**WHAT THE EXERCISE ASKS**: Go through the listing below and output exactly the line with "#77=IFCPRODUCTDEFINITIONSHAPE($,$,(#76));", the line with "#108=IFCINDEXEDPOLYGONALFACE((3,4,8,7));", and each line between; omit the rest.

[WORKING DATA]

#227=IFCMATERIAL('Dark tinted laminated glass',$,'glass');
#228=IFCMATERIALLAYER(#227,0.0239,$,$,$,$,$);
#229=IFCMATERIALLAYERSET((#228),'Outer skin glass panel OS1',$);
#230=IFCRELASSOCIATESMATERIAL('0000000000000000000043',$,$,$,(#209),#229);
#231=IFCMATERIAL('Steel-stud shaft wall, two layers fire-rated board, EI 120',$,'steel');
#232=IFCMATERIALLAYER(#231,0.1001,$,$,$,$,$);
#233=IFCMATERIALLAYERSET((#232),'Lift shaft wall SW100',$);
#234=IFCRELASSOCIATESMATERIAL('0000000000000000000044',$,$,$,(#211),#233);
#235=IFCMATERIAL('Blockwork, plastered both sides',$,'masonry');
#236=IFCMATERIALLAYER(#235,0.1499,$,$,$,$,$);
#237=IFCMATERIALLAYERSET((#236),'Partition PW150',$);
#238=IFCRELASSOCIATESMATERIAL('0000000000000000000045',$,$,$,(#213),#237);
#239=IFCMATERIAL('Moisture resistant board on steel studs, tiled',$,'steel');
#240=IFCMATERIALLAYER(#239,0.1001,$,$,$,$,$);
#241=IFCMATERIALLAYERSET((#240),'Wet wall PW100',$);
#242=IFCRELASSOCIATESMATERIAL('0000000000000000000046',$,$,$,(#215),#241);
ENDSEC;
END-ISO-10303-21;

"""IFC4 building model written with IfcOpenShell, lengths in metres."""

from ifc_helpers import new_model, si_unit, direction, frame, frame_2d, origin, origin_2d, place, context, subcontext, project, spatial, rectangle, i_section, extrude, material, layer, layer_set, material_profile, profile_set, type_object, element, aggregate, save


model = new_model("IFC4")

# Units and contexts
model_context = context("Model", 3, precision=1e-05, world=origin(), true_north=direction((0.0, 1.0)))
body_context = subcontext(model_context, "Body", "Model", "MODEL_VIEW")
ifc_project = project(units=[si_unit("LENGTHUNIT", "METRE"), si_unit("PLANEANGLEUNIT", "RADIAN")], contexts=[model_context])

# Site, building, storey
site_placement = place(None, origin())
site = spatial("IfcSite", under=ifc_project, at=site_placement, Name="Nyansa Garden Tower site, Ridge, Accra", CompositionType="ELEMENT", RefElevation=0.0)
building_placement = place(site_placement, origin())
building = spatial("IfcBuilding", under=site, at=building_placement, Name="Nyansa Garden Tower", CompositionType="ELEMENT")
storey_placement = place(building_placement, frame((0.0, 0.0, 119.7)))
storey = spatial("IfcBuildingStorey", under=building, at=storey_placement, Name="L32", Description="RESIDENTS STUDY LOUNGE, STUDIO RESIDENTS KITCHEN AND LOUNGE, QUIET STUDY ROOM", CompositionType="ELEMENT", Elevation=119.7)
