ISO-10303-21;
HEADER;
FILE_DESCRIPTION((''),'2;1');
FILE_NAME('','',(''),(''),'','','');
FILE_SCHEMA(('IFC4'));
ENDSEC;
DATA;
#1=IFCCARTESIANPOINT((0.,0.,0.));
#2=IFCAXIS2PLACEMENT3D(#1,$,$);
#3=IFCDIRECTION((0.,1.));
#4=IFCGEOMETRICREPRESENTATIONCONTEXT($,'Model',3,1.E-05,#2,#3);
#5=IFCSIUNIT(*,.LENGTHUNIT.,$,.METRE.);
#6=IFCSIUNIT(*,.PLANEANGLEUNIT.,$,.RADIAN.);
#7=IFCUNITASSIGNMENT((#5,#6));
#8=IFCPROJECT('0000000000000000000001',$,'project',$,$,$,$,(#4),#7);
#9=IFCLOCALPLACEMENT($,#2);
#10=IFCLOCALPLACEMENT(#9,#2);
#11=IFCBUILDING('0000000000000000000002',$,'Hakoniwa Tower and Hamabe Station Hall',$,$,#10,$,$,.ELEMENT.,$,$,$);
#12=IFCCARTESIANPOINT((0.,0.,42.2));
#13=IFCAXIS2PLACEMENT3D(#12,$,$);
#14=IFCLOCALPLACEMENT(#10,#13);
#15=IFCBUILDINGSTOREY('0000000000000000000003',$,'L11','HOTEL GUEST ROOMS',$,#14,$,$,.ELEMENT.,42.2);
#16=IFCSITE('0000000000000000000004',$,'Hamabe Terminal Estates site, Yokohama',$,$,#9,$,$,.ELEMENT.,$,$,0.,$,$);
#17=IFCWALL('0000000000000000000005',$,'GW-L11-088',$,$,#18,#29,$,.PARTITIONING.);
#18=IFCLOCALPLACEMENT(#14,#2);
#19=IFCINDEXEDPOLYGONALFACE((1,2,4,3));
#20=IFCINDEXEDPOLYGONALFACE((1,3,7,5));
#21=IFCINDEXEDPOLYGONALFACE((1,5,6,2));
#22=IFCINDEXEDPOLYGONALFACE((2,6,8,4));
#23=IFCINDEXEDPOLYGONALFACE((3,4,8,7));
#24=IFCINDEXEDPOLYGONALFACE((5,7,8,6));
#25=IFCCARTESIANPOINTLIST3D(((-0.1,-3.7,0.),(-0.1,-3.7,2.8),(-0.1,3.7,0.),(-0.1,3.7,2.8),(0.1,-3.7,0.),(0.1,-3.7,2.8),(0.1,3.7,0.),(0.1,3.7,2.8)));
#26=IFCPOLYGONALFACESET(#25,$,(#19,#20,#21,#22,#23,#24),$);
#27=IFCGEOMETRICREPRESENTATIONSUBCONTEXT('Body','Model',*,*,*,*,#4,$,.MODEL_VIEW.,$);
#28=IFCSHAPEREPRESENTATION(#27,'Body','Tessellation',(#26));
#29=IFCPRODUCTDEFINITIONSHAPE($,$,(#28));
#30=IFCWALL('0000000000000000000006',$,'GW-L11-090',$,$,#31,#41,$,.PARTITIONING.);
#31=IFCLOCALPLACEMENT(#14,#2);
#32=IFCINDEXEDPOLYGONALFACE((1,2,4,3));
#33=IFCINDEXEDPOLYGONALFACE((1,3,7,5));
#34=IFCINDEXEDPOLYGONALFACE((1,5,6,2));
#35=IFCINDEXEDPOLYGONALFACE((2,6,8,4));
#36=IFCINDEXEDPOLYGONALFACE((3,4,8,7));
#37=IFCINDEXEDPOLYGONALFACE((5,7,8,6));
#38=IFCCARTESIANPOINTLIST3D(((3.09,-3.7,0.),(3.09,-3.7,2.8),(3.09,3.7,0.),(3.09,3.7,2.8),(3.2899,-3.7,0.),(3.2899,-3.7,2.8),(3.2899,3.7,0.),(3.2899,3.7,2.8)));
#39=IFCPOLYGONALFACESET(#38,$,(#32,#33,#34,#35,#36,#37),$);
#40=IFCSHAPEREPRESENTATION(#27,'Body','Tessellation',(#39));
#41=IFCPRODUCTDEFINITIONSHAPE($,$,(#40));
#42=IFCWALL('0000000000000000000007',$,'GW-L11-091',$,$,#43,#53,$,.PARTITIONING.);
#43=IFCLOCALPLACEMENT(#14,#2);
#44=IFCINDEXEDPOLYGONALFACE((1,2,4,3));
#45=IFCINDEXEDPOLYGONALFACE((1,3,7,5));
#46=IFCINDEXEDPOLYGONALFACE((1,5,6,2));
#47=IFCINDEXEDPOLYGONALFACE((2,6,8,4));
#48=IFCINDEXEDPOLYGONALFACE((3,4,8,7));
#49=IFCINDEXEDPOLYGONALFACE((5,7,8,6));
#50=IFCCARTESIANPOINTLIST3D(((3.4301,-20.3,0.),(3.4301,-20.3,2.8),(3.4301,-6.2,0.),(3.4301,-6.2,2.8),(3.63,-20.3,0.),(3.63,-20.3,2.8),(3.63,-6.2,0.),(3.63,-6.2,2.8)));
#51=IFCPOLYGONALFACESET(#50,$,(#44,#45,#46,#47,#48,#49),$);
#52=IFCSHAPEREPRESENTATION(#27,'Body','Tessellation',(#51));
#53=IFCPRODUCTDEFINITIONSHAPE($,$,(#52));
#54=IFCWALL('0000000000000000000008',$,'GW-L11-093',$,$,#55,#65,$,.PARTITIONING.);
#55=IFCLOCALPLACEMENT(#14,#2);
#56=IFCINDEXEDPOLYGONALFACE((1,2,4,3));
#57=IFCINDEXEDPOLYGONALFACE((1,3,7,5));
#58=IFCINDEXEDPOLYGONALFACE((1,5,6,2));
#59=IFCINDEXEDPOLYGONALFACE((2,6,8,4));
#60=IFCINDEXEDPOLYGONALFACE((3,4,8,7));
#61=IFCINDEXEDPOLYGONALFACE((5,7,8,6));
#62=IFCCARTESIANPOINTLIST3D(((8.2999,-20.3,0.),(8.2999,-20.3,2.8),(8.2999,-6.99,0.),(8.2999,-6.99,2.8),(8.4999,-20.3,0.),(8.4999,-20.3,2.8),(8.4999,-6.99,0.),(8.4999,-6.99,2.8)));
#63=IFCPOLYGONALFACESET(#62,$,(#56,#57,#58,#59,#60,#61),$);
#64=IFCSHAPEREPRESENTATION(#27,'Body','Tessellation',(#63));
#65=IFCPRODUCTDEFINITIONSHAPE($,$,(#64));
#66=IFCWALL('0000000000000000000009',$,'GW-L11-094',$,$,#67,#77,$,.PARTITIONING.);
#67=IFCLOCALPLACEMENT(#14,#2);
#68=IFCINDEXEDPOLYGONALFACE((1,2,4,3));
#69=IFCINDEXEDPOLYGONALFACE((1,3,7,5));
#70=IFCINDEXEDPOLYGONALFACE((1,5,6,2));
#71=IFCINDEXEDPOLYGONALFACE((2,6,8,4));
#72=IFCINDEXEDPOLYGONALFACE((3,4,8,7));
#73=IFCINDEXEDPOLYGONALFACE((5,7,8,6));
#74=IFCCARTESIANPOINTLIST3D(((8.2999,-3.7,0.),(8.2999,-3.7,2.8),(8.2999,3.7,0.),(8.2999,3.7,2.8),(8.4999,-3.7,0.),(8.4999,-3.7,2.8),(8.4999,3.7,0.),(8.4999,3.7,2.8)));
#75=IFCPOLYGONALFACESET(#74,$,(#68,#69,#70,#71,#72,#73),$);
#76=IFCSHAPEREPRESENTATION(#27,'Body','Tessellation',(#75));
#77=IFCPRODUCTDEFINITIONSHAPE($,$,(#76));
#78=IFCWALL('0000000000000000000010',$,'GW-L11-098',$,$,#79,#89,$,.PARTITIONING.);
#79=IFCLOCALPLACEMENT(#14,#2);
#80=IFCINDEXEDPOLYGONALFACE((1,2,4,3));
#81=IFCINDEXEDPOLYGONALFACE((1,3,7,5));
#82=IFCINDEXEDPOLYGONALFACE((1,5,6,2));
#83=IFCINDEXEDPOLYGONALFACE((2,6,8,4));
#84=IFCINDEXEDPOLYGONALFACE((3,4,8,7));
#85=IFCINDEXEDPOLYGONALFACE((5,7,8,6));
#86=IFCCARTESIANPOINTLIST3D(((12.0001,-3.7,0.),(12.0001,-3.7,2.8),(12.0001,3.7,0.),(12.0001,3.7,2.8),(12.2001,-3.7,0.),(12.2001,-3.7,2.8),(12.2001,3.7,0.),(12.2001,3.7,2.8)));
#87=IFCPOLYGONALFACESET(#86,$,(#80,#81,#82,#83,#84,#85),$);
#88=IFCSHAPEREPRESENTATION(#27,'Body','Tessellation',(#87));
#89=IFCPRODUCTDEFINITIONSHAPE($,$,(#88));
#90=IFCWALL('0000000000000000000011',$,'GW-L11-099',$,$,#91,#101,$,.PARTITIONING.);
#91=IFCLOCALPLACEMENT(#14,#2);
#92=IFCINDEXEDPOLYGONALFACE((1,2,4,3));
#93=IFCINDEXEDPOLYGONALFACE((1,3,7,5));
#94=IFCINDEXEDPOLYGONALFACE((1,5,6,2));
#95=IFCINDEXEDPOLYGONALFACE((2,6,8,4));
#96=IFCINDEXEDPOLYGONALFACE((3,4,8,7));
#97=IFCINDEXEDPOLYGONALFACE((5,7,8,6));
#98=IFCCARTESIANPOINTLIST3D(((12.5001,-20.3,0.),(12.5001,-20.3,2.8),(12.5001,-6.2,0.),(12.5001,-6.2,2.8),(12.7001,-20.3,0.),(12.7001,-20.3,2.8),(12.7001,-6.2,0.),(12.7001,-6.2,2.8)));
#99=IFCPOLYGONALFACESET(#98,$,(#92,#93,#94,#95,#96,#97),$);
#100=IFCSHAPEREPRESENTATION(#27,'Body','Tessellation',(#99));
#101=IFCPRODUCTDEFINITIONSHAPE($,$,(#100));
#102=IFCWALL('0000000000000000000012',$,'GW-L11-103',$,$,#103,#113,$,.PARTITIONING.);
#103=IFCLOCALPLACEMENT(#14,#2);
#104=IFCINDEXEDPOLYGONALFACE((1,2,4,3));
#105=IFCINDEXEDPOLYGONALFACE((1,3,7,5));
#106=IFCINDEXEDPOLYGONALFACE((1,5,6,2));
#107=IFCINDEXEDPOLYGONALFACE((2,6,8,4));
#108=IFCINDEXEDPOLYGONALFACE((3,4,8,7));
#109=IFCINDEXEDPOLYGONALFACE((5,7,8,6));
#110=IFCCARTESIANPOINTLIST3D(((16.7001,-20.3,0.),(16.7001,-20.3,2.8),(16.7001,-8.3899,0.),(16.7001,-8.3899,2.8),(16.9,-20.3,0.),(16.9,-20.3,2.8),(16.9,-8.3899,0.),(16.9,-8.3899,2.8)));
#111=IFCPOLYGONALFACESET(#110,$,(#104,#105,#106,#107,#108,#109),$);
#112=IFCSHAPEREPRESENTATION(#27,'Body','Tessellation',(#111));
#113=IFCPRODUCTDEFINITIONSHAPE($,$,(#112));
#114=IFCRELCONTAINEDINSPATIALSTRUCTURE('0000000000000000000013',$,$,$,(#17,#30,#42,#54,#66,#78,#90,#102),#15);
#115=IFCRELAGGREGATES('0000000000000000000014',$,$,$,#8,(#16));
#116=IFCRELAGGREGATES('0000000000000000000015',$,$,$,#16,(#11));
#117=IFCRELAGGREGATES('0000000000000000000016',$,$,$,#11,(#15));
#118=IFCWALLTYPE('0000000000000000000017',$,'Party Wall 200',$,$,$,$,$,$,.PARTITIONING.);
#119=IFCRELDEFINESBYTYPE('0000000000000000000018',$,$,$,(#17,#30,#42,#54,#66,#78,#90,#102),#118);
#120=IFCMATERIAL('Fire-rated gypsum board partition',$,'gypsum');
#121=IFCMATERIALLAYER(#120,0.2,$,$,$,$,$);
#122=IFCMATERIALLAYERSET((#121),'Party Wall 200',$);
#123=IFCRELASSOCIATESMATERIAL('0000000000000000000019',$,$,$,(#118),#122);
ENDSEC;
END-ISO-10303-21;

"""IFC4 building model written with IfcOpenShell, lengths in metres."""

from ifc_helpers import new_model, si_unit, direction, frame, frame_2d, origin, place, context, subcontext, project, spatial, rectangle, extrude, material, layer, layer_set, type_object, element, save


model = new_model("IFC4")

# Units and contexts
model_context = context("Model", 3, precision=1e-05, world=origin(), true_north=direction((0.0, 1.0)))
body_context = subcontext(model_context, "Body", "Model", "MODEL_VIEW")
ifc_project = project(units=[si_unit("LENGTHUNIT", "METRE"), si_unit("PLANEANGLEUNIT", "RADIAN")], contexts=[model_context])

# Site, building, storey
site_placement = place(None, origin())
site = spatial("IfcSite", under=ifc_project, at=site_placement, Name="Hamabe Terminal Estates site, Yokohama", CompositionType="ELEMENT", RefElevation=0.0)
building_placement = place(site_placement, origin())
building = spatial("IfcBuilding", under=site, at=building_placement, Name="Hakoniwa Tower and Hamabe Station Hall", CompositionType="ELEMENT")
storey_placement = place(building_placement, frame((0.0, 0.0, 42.2)))
storey = spatial("IfcBuildingStorey", under=building, at=storey_placement, Name="L11", Description="HOTEL GUEST ROOMS", CompositionType="ELEMENT", Elevation=42.2)

# Walls
ifc_material_1 = material(Name="Fire-rated gypsum board partition", Category="gypsum")
ifc_layer_1 = layer(ifc_material_1, 0.2)
ifc_layer_set_1 = layer_set([ifc_layer_1], Name="Party Wall 200")
wall_type_1 = type_object("IfcWallType", Name="Party Wall 200", PredefinedType="PARTITIONING", material=ifc_layer_set_1)
for number, where, z_axis, x_axis, name in (
    (1, (0.0, -3.7, 0.0), (0.0, 0.0, 1.0), (0.0, 1.0, 0.0), "GW-L11-088"),
    (2, (3.1899, -3.7, 0.0), (0.0, 0.0, 1.0), (0.0, 1.0, 0.0), "GW-L11-090"),
):
    element("IfcWall", number, at=place(storey_placement, frame(where, z_axis=z_axis, x_axis=x_axis)), inside=storey, type_object=wall_type_1, Name=name, PredefinedType="PARTITIONING", context=body_context, shape_type="SweptSolid", body=[
        extrude(rectangle(XDim=7.3999, YDim=0.2, at=frame_2d((3.7, 0.0))), origin(), (0.0, 0.0, 1.0), 2.8),
    ])
wall_1_placement = place(storey_placement, frame((3.53, -20.3, 0.0), z_axis=(0.0, 0.0, 1.0), x_axis=(0.0, 1.0, 0.0)))
element("IfcWall", 3, at=wall_1_placement, inside=storey, type_object=wall_type_1, Name="GW-L11-091", PredefinedType="PARTITIONING", context=body_context, shape_type="SweptSolid", body=[
    extrude(rectangle(XDim=14.1001, YDim=0.2, at=frame_2d((7.05, 0.0))), origin(), (0.0, 0.0, 1.0), 2.8),
])
wall_2_placement = place(storey_placement, frame((8.3999, -20.3, 0.0), z_axis=(0.0, 0.0, 1.0), x_axis=(0.0, 1.0, 0.0)))
element("IfcWall", 4, at=wall_2_placement, inside=storey, type_object=wall_type_1, Name="GW-L11-093", PredefinedType="PARTITIONING", context=body_context, shape_type="SweptSolid", body=[
    extrude(rectangle(XDim=13.3101, YDim=0.2, at=frame_2d((6.655, 0.0))), origin(), (0.0, 0.0, 1.0), 2.8),
])
for number, where, z_axis, x_axis, name in (
    (5, (8.3999, -3.7, 0.0), (0.0, 0.0, 1.0), (0.0, 1.0, 0.0), "GW-L11-094"),
    (6, (12.1001, -3.7, 0.0), (0.0, 0.0, 1.0), (0.0, 1.0, 0.0), "GW-L11-098"),
):
    element("IfcWall", number, at=place(storey_placement, frame(where, z_axis=z_axis, x_axis=x_axis)), inside=storey, type_object=wall_type_1, Name=name, PredefinedType="PARTITIONING", context=body_context, shape_type="SweptSolid", body=[
        extrude(rectangle(XDim=7.3999, YDim=0.2, at=frame_2d((3.7, 0.0))), origin(), (0.0, 0.0, 1.0), 2.8),
    ])
wall_3_placement = place(storey_placement, frame((12.6001, -20.3, 0.0), z_axis=(0.0, 0.0, 1.0), x_axis=(0.0, 1.0, 0.0)))
element("IfcWall", 7, at=wall_3_placement, inside=storey, type_object=wall_type_1, Name="GW-L11-099", PredefinedType="PARTITIONING", context=body_context, shape_type="SweptSolid", body=[
    extrude(rectangle(XDim=14.1001, YDim=0.2, at=frame_2d((7.05, 0.0))), origin(), (0.0, 0.0, 1.0), 2.8),
])
wall_4_placement = place(storey_placement, frame((16.8, -20.3, 0.0), z_axis=(0.0, 0.0, 1.0), x_axis=(0.0, 1.0, 0.0)))
element("IfcWall", 8, at=wall_4_placement, inside=storey, type_object=wall_type_1, Name="GW-L11-103", PredefinedType="PARTITIONING", context=body_context, shape_type="SweptSolid", body=[
    extrude(rectangle(XDim=11.9102, YDim=0.2, at=frame_2d((5.9551, 0.0))), origin(), (0.0, 0.0, 1.0), 2.8),
])

save(model, "model.ifc")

[/WORKING DATA]

**ANSWER SPACE**:
#77=IFCPRODUCTDEFINITIONSHAPE($,$,(#76));
#78=IFCWALL('0000000000000000000010',$,'GW-L11-098',$,$,#79,#89,$,.PARTITIONING.);
#79=IFCLOCALPLACEMENT(#14,#2);
#80=IFCINDEXEDPOLYGONALFACE((1,2,4,3));
#81=IFCINDEXEDPOLYGONALFACE((1,3,7,5));
#82=IFCINDEXEDPOLYGONALFACE((1,5,6,2));
#83=IFCINDEXEDPOLYGONALFACE((2,6,8,4));
#84=IFCINDEXEDPOLYGONALFACE((3,4,8,7));
#85=IFCINDEXEDPOLYGONALFACE((5,7,8,6));
#86=IFCCARTESIANPOINTLIST3D(((12.0001,-3.7,0.),(12.0001,-3.7,2.8),(12.0001,3.7,0.),(12.0001,3.7,2.8),(12.2001,-3.7,0.),(12.2001,-3.7,2.8),(12.2001,3.7,0.),(12.2001,3.7,2.8)));
#87=IFCPOLYGONALFACESET(#86,$,(#80,#81,#82,#83,#84,#85),$);
#88=IFCSHAPEREPRESENTATION(#27,'Body','Tessellation',(#87));
#89=IFCPRODUCTDEFINITIONSHAPE($,$,(#88));
#90=IFCWALL('0000000000000000000011',$,'GW-L11-099',$,$,#91,#101,$,.PARTITIONING.);
#91=IFCLOCALPLACEMENT(#14,#2);
#92=IFCINDEXEDPOLYGONALFACE((1,2,4,3));
#93=IFCINDEXEDPOLYGONALFACE((1,3,7,5));
#94=IFCINDEXEDPOLYGONALFACE((1,5,6,2));
#95=IFCINDEXEDPOLYGONALFACE((2,6,8,4));
#96=IFCINDEXEDPOLYGONALFACE((3,4,8,7));
#97=IFCINDEXEDPOLYGONALFACE((5,7,8,6));
#98=IFCCARTESIANPOINTLIST3D(((12.5001,-20.3,0.),(12.5001,-20.3,2.8),(12.5001,-6.2,0.),(12.5001,-6.2,2.8),(12.7001,-20.3,0.),(12.7001,-20.3,2.8),(12.7001,-6.2,0.),(12.7001,-6.2,2.8)));
#99=IFCPOLYGONALFACESET(#98,$,(#92,#93,#94,#95,#96,#97),$);
#100=IFCSHAPEREPRESENTATION(#27,'Body','Tessellation',(#99));
#101=IFCPRODUCTDEFINITIONSHAPE($,$,(#100));
#102=IFCWALL('0000000000000000000012',$,'GW-L11-103',$,$,#103,#113,$,.PARTITIONING.);
#103=IFCLOCALPLACEMENT(#14,#2);
#104=IFCINDEXEDPOLYGONALFACE((1,2,4,3));
#105=IFCINDEXEDPOLYGONALFACE((1,3,7,5));
#106=IFCINDEXEDPOLYGONALFACE((1,5,6,2));
#107=IFCINDEXEDPOLYGONALFACE((2,6,8,4));
#108=IFCINDEXEDPOLYGONALFACE((3,4,8,7));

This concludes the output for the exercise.